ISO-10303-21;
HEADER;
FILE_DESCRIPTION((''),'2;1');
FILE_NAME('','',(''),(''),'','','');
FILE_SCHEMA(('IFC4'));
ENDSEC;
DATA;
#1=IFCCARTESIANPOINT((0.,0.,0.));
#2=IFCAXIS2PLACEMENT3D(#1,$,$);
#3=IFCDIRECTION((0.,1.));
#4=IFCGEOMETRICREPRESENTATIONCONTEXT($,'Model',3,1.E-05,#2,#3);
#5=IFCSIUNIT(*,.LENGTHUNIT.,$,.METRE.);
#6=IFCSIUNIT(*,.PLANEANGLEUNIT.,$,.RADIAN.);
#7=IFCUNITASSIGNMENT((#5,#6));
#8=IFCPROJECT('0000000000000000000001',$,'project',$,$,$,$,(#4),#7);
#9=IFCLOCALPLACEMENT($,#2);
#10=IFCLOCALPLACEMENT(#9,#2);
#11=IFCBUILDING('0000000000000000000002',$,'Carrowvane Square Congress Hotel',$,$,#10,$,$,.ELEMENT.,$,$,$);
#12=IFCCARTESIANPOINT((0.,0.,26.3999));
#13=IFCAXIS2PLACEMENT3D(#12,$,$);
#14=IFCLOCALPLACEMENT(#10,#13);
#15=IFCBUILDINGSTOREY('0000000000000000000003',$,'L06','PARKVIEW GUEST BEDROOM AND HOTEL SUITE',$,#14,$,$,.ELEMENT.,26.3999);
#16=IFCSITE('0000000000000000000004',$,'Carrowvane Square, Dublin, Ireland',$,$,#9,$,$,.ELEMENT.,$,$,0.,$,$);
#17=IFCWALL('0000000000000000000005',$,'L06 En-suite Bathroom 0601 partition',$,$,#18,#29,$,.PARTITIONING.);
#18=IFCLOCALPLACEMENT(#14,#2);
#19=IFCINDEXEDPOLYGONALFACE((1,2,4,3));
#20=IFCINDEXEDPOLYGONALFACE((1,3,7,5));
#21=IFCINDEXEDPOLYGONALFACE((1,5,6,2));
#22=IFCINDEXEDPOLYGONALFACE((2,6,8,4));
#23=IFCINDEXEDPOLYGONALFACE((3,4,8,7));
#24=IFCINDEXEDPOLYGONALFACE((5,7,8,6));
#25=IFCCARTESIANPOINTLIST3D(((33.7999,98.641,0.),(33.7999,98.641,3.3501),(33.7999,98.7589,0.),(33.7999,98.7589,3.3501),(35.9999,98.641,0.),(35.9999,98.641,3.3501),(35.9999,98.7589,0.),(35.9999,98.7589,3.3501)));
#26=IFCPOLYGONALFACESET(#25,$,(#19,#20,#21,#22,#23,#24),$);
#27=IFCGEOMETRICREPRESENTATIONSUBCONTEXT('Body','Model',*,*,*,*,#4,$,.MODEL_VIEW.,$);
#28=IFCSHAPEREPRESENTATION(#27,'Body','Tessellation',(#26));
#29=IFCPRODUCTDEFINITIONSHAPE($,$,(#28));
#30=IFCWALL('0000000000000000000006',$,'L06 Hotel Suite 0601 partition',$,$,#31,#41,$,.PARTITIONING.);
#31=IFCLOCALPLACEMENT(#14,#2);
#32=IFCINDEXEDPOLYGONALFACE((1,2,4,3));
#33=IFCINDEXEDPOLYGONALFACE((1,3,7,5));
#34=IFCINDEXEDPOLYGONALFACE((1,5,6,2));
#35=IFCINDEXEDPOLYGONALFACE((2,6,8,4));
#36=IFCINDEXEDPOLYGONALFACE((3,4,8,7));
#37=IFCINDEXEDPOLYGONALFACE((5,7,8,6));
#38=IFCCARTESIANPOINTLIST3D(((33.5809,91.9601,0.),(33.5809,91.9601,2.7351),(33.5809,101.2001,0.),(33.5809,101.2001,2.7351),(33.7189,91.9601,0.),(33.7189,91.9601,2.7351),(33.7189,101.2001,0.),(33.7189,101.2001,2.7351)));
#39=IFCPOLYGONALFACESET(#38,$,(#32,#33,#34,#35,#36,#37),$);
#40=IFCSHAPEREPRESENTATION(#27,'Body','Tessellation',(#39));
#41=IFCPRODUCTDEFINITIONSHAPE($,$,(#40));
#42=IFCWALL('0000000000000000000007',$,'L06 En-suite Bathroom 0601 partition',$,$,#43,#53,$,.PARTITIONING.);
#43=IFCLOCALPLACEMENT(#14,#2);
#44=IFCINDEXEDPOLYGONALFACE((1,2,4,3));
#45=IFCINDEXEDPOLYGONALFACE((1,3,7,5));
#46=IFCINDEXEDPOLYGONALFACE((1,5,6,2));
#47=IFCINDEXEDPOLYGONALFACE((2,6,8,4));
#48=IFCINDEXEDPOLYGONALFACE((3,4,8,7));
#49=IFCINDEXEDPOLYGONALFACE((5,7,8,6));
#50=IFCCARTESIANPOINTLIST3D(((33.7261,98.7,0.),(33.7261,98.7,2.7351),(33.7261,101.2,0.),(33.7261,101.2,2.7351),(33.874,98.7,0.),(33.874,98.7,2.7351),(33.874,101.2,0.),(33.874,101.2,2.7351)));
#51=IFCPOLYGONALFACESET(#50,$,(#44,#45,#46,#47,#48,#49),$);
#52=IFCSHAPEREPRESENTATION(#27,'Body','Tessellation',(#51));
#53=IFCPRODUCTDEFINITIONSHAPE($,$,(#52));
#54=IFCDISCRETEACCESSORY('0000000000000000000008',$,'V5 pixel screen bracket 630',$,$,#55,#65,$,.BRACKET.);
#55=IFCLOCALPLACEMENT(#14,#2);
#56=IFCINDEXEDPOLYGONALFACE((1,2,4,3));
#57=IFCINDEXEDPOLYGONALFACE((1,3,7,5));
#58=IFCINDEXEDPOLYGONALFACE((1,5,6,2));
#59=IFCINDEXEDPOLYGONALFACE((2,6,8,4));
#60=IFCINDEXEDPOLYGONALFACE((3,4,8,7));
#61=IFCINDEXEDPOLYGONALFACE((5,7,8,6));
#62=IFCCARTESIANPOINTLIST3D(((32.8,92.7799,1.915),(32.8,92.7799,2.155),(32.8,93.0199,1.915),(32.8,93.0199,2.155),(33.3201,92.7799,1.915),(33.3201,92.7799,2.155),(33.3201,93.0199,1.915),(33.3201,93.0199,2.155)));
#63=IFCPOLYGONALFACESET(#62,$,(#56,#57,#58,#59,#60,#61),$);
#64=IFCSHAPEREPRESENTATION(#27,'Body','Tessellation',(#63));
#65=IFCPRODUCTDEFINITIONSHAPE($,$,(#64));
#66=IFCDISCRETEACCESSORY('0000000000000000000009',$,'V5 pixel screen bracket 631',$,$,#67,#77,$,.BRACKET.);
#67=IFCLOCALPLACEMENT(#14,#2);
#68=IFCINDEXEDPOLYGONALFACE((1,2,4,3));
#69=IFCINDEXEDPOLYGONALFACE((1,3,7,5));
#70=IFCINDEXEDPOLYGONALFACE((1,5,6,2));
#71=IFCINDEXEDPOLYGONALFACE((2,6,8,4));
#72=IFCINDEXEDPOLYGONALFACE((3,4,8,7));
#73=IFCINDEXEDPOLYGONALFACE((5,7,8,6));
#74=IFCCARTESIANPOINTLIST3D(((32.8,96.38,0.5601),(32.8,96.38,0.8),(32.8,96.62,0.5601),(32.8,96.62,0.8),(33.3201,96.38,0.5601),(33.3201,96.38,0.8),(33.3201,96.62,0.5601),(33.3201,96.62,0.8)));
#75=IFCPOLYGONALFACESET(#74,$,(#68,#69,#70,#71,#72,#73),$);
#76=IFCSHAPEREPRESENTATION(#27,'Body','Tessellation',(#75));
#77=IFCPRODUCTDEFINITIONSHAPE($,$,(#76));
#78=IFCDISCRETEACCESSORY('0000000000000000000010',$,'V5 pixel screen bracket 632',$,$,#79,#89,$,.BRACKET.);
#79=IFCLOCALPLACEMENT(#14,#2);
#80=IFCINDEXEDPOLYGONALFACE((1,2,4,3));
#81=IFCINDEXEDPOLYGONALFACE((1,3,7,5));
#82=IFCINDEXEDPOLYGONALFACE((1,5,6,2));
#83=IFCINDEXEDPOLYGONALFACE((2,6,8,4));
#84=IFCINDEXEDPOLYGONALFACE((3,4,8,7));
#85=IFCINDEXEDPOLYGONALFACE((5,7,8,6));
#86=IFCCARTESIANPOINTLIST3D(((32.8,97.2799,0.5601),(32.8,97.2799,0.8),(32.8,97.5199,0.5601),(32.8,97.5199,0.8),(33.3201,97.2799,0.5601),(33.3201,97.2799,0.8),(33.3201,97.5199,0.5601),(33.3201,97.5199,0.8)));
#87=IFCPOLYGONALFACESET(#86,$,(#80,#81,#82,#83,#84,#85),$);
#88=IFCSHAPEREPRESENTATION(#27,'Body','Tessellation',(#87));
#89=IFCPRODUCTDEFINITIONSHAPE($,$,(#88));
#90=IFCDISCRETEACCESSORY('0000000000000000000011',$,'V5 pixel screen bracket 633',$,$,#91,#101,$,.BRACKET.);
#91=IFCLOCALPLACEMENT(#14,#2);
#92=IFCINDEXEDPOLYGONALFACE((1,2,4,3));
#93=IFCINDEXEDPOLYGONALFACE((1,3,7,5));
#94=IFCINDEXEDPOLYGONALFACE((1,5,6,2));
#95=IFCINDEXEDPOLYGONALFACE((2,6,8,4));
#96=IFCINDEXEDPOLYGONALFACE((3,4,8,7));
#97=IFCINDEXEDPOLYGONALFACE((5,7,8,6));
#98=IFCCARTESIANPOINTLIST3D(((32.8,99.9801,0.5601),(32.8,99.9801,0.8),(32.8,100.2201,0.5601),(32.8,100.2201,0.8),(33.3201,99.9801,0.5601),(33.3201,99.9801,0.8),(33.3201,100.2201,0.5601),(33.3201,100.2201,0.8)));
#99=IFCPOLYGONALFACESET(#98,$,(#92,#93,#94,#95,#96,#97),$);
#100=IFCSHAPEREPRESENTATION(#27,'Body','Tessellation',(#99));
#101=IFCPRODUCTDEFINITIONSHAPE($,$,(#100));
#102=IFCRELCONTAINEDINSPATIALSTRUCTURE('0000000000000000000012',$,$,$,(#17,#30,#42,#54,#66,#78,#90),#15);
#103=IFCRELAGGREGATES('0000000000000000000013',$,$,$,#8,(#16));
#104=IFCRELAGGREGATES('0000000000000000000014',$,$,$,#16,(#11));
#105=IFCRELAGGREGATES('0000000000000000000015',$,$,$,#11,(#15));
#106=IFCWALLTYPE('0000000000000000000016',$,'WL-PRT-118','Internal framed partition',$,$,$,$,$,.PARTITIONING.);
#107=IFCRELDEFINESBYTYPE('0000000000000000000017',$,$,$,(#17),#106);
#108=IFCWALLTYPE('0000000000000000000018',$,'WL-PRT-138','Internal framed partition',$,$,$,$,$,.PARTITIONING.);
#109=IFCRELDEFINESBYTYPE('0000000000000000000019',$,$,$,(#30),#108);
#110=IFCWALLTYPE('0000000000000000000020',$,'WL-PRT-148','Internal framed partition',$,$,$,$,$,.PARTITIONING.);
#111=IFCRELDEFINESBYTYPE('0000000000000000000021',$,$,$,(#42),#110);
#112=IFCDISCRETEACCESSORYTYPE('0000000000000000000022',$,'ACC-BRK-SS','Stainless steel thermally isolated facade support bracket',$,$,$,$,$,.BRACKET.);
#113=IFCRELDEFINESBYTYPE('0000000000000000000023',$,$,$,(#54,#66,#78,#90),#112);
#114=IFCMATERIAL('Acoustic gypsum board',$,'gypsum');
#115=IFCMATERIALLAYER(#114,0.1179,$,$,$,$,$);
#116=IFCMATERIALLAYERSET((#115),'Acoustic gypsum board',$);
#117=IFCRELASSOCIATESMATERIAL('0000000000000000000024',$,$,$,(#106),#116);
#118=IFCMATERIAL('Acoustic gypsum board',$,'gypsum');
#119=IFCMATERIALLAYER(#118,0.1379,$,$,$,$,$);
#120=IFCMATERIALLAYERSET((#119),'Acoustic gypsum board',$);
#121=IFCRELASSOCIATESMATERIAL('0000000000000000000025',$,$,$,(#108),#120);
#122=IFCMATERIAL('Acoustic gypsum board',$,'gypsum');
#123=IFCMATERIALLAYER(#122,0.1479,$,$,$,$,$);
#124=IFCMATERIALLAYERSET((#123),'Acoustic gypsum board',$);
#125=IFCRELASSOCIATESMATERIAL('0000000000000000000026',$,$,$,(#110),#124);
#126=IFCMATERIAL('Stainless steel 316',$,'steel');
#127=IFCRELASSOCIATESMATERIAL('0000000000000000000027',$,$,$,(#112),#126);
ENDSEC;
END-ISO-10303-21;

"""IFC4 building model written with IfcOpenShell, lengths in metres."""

from ifc_helpers import new_model, si_unit, direction, frame, frame_2d, origin, origin_2d, place, context, subcontext, project, spatial, rectangle, extrude, material, layer, layer_set, type_object, element, save


model = new_model("IFC4")

# Units and contexts
model_context = context("Model", 3, precision=1e-05, world=origin(), true_north=direction((0.0, 1.0)))
body_context = subcontext(model_context, "Body", "Model", "MODEL_VIEW")
ifc_project = project(units=[si_unit("LENGTHUNIT", "METRE"), si_unit("PLANEANGLEUNIT", "RADIAN")], contexts=[model_context])

# Site, building, storey
site_placement = place(None, origin())
site = spatial("IfcSite", under=ifc_project, at=site_placement, Name="Carrowvane Square, Dublin, Ireland", CompositionType="ELEMENT", RefElevation=0.0)
building_placement = place(site_placement, origin())
building = spatial("IfcBuilding", under=site, at=building_placement, Name="Carrowvane Square Congress Hotel", CompositionType="ELEMENT")
storey_placement = place(building_placement, frame((0.0, 0.0, 26.3999)))
storey = spatial("IfcBuildingStorey", under=building, at=storey_placement, Name="L06", Description="PARKVIEW GUEST BEDROOM AND HOTEL SUITE", CompositionType="ELEMENT", Elevation=26.3999)

# Walls
ifc_material_1 = material(Name="Acoustic gypsum board", Category="gypsum")
ifc_layer_1 = layer(ifc_material_1, 0.1179)
ifc_layer_set_1 = layer_set([ifc_layer_1], Name="Acoustic gypsum board")
wall_type_1 = type_object("IfcWallType", Name="WL-PRT-118", Description="Internal framed partition", PredefinedType="PARTITIONING", material=ifc_layer_set_1)
wall_1_placement = place(storey_placement, frame((36.0, 98.7, 0.0), z_axis=(0.0, 0.0, 1.0), x_axis=(-1.0, 0.0, 0.0)))
element("IfcWall", 1, at=wall_1_placement, inside=storey, type_object=wall_type_1, Name="L06 En-suite Bathroom 0601 partition", PredefinedType="PARTITIONING", context=body_context, shape_type="SweptSolid", body=[
    extrude(rectangle(XDim=2.2, YDim=0.1179, at=frame_2d((1.1001, 0.0))), origin(), (0.0, 0.0, 1.0), 3.3501),
])
ifc_material_2 = material(Name="Acoustic gypsum board", Category="gypsum")
ifc_layer_2 = layer(ifc_material_2, 0.1379)
ifc_layer_set_2 = layer_set([ifc_layer_2], Name="Acoustic gypsum board")
wall_type_2 = type_object("IfcWallType", Name="WL-PRT-138", Description="Internal framed partition", PredefinedType="PARTITIONING", material=ifc_layer_set_2)
wall_2_placement = place(storey_placement, frame((33.6499, 91.96, 0.0), z_axis=(0.0, 0.0, 1.0), x_axis=(0.0, 1.0, 0.0)))
element("IfcWall", 2, at=wall_2_placement, inside=storey, type_object=wall_type_2, Name="L06 Hotel Suite 0601 partition", PredefinedType="PARTITIONING", context=body_context, shape_type="SweptSolid", body=[
    extrude(rectangle(XDim=9.24, YDim=0.1379, at=frame_2d((4.6201, 0.0))), origin(), (0.0, 0.0, 1.0), 2.7351),
])
ifc_material_3 = material(Name="Acoustic gypsum board", Category="gypsum")
ifc_layer_3 = layer(ifc_material_3, 0.1479)
ifc_layer_set_3 = layer_set([ifc_layer_3], Name="Acoustic gypsum board")
wall_type_3 = type_object("IfcWallType", Name="WL-PRT-148", Description="Internal framed partition", PredefinedType="PARTITIONING", material=ifc_layer_set_3)
wall_3_placement = place(storey_placement, frame((33.8, 98.7, 0.0), z_axis=(0.0, 0.0, 1.0), x_axis=(0.0, 1.0, 0.0)))
element("IfcWall", 3, at=wall_3_placement, inside=storey, type_object=wall_type_3, Name="L06 En-suite Bathroom 0601 partition", PredefinedType="PARTITIONING", context=body_context, shape_type="SweptSolid", body=[
    extrude(rectangle(XDim=2.5, YDim=0.1479, at=frame_2d((1.25, 0.0))), origin(), (0.0, 0.0, 1.0), 2.7351),
])

# Discrete accessories
ifc_material_4 = material(Name="Stainless steel 316", Category="steel")
discrete_accessory_type = type_object("IfcDiscreteAccessoryType", Name="ACC-BRK-SS", Description="Stainless steel thermally isolated facade support bracket", PredefinedType="BRACKET", material=ifc_material_4)
for number, where, z_axis, x_axis, name in (
    (4, (33.0601, 92.8999, 1.915), (0.0, 0.0, 1.0), (0.0, 1.0, 0.0), "V5 pixel screen bracket 630"),
    (5, (33.0601, 96.5, 0.5601), (0.0, 0.0, 1.0), (0.0, 1.0, 0.0), "V5 pixel screen bracket 631"),
    (6, (33.0601, 97.3999, 0.5601), (0.0, 0.0, 1.0), (0.0, 1.0, 0.0), "V5 pixel screen bracket 632"),
    (7, (33.0601, 100.1001, 0.5601), (0.0, 0.0, 1.0), (0.0, 1.0, 0.0), "V5 pixel screen bracket 633"),
):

# # # # # # #

* **What needs to be done**
Among the entries above, which lines include "IFCPRODUCTDEFINITIONSHAPE"? List them all.

* **Your solution**
#29=IFCPRODUCTDEFINITIONSHAPE($,$,(#28));
#41=IFCPRODUCTDEFINITIONSHAPE($,$,(#40));
#53=IFCPRODUCTDEFINITIONSHAPE($,$,(#52));
#65=IFCPRODUCTDEFINITIONSHAPE($,$,(#64));
#77=IFCPRODUCTDEFINITIONSHAPE($,$,(#76));
#89=IFCPRODUCTDEFINITIONSHAPE($,$,(#88));
#101=IFCPRODUCTDEFINITIONSHAPE($,$,(#100));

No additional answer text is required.